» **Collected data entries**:
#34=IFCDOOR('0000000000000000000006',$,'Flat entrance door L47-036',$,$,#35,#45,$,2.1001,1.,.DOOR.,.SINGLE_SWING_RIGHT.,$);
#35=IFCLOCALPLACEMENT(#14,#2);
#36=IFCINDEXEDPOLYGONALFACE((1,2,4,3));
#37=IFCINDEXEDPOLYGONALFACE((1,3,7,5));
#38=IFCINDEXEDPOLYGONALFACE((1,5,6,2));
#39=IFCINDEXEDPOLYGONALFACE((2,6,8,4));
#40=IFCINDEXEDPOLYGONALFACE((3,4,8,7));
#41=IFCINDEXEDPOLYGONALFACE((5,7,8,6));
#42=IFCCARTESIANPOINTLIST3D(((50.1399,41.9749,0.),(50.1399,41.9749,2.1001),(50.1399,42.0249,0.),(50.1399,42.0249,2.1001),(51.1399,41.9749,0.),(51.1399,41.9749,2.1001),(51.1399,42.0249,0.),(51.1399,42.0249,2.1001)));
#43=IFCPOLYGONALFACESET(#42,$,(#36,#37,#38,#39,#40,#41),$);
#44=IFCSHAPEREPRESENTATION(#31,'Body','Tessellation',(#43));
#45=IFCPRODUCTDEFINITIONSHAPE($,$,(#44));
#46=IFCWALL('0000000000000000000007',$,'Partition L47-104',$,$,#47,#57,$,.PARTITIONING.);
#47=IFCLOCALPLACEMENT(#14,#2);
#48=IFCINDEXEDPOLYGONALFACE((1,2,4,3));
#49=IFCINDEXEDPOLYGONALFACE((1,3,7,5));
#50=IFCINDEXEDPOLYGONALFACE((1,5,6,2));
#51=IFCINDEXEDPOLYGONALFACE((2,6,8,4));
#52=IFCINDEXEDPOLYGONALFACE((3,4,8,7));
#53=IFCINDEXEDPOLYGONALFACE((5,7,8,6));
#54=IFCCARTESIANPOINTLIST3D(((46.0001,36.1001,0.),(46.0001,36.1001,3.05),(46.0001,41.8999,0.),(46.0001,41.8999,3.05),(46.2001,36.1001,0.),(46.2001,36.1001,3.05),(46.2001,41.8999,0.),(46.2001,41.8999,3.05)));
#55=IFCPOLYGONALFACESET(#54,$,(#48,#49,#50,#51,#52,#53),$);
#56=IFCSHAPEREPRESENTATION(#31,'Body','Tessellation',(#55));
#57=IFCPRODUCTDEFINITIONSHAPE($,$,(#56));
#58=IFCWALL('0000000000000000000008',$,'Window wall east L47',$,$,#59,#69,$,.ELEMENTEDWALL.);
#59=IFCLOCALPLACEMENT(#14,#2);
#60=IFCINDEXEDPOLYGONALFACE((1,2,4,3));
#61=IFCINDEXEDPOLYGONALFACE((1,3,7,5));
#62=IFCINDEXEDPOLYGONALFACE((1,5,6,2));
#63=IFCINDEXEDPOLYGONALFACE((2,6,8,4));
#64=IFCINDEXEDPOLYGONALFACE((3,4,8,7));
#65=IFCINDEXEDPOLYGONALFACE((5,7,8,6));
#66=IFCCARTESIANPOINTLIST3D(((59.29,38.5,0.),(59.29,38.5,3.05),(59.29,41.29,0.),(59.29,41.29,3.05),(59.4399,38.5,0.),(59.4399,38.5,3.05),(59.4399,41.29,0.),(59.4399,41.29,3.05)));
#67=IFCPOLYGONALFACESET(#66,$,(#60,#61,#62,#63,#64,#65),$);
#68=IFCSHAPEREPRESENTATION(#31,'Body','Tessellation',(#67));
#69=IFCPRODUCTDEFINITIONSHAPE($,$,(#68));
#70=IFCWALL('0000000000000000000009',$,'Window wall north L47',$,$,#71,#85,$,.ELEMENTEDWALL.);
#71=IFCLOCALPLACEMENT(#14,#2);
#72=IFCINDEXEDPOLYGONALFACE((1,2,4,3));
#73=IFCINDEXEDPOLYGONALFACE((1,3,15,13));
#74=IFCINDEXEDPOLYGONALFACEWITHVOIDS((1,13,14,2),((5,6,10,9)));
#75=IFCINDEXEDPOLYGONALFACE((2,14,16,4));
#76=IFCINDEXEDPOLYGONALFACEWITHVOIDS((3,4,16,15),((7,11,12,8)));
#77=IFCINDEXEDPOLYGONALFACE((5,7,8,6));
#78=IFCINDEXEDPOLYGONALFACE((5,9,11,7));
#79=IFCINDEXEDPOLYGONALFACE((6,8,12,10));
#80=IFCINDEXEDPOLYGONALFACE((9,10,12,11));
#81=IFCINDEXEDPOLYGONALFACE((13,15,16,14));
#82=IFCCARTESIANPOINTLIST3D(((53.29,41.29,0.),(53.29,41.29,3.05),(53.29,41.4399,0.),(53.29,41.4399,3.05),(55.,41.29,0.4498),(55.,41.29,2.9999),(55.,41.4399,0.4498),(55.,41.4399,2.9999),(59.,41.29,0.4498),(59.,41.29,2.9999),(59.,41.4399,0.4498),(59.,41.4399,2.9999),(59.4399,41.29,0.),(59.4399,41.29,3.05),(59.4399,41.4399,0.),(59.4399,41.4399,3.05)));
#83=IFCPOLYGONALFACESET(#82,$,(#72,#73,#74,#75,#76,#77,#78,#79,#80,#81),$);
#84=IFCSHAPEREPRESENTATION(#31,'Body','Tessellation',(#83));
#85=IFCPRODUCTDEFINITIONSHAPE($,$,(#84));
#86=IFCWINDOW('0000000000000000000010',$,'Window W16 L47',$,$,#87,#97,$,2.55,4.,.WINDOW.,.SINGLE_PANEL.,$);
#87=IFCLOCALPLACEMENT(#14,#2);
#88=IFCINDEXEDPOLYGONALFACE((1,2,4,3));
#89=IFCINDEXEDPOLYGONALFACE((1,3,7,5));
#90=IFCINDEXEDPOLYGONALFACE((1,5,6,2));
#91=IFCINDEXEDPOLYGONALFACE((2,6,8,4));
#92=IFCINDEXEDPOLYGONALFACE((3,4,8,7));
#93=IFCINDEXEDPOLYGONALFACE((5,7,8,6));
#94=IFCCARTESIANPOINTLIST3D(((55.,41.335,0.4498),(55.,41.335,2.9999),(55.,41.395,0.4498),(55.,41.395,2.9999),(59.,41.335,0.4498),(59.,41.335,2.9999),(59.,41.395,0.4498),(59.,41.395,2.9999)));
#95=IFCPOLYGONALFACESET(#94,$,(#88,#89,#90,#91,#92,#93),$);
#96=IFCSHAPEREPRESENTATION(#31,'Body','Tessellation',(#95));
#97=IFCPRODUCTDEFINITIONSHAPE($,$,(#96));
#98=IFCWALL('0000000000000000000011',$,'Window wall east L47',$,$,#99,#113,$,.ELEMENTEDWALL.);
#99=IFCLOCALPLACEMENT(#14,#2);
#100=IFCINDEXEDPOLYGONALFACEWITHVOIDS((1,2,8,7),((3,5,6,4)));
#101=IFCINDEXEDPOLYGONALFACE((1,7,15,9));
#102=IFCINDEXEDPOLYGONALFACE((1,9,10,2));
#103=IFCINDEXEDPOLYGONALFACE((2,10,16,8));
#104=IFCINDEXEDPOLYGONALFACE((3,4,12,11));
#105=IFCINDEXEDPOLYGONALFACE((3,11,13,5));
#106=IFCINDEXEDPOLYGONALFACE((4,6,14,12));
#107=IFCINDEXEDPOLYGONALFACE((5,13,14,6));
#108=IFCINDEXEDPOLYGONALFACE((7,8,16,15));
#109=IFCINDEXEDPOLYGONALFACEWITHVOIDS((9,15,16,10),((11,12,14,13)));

» **Task statement**: Once you reach the line with "#35=IFCLOCALPLACEMENT(#14,#2);" in the data above, copy it and every line after it exactly, up to and including the line with "#55=IFCPOLYGONALFACESET(#54,$,(#48,#49,#50,#51,#52,#53),$);".

» **Solution**:
#35=IFCLOCALPLACEMENT(#14,#2);
#36=IFCINDEXEDPOLYGONALFACE((1,2,4,3));
#37=IFCINDEXEDPOLYGONALFACE((1,3,7,5));
#38=IFCINDEXEDPOLYGONALFACE((1,5,6,2));
#39=IFCINDEXEDPOLYGONALFACE((2,6,8,4));
#40=IFCINDEXEDPOLYGONALFACE((3,4,8,7));
#41=IFCINDEXEDPOLYGONALFACE((5,7,8,6));
#42=IFCCARTESIANPOINTLIST3D(((50.1399,41.9749,0.),(50.1399,41.9749,2.1001),(50.1399,42.0249,0.),(50.1399,42.0249,2.1001),(51.1399,41.9749,0.),(51.1399,41.9749,2.1001),(51.1399,42.0249,0.),(51.1399,42.0249,2.1001)));
#43=IFCPOLYGONALFACESET(#42,$,(#36,#37,#38,#39,#40,#41),$);
#44=IFCSHAPEREPRESENTATION(#31,'Body','Tessellation',(#43));
#45=IFCPRODUCTDEFINITIONSHAPE($,$,(#44));
#46=IFCWALL('0000000000000000000007',$,'Partition L47-104',$,$,#47,#57,$,.PARTITIONING.);
#47=IFCLOCALPLACEMENT(#14,#2);
#48=IFCINDEXEDPOLYGONALFACE((1,2,4,3));
#49=IFCINDEXEDPOLYGONALFACE((1,3,7,5));
#50=IFCINDEXEDPOLYGONALFACE((1,5,6,2));
#51=IFCINDEXEDPOLYGONALFACE((2,6,8,4));
#52=IFCINDEXEDPOLYGONALFACE((3,4,8,7));
#53=IFCINDEXEDPOLYGONALFACE((5,7,8,6));
#54=IFCCARTESIANPOINTLIST3D(((46.0001,36.1001,0.),(46.0001,36.1001,3.05),(46.0001,41.8999,0.),(46.0001,41.8999,3.05),(46.2001,36.1001,0.),(46.2001,36.1001,3.05),(46.2001,41.8999,0.),(46.2001,41.8999,3.05)));
#55=IFCPOLYGONALFACESET(#54,$,(#48,#49,#50,#51,#52,#53),$);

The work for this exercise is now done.